== Exercise details ==
When a line in the records contains the string "import", copy that line.

== Information shown ==

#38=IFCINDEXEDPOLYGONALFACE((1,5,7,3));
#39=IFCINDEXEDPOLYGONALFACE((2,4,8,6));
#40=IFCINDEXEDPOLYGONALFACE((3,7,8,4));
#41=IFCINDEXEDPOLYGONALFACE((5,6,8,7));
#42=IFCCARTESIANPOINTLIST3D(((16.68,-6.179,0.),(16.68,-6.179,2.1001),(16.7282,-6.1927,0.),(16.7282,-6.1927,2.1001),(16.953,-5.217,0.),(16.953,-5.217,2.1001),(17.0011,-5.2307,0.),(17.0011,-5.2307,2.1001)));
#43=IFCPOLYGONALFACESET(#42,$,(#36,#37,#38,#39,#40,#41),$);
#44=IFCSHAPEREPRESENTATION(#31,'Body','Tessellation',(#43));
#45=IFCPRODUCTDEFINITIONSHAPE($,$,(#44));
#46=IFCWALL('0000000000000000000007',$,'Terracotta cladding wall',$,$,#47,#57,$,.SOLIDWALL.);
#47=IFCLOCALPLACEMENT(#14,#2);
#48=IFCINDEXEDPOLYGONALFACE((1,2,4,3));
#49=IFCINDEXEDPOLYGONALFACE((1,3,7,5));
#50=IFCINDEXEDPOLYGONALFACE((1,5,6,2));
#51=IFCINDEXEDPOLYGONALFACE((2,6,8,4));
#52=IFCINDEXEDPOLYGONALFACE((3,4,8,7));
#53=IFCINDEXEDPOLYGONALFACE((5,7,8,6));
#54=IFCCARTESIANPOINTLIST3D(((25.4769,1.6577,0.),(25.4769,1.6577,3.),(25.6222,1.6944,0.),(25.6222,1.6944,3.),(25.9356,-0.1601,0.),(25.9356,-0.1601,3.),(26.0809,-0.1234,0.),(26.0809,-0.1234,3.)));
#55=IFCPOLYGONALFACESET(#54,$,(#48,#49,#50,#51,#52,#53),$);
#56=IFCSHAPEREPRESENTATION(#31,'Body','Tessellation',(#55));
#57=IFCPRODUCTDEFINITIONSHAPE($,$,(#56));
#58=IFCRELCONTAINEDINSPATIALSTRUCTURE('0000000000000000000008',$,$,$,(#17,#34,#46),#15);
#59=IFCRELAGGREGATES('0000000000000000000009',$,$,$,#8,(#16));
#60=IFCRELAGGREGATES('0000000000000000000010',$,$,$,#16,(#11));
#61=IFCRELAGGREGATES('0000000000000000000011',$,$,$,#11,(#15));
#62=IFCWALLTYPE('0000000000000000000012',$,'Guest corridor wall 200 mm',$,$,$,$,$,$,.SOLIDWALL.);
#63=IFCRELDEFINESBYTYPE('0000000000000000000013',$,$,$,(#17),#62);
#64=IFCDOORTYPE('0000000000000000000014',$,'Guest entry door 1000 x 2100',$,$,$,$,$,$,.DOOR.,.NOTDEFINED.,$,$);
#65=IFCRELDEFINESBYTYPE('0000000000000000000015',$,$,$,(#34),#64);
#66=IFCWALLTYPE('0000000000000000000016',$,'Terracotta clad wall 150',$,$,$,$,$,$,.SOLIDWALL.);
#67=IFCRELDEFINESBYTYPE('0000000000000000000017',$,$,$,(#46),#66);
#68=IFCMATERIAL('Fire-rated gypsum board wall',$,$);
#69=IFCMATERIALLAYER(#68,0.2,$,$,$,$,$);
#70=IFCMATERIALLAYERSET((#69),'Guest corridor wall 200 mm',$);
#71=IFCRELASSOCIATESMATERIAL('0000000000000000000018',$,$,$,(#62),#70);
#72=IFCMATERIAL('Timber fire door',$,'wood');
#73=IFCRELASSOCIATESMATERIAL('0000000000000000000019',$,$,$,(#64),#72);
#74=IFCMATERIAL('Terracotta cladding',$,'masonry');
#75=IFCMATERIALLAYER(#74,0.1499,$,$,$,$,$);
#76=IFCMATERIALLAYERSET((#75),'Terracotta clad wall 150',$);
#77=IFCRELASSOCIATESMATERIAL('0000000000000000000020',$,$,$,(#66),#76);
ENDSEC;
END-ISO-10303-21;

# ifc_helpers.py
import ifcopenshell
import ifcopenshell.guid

===

== Reply ==
import ifcopenshell
import ifcopenshell.guid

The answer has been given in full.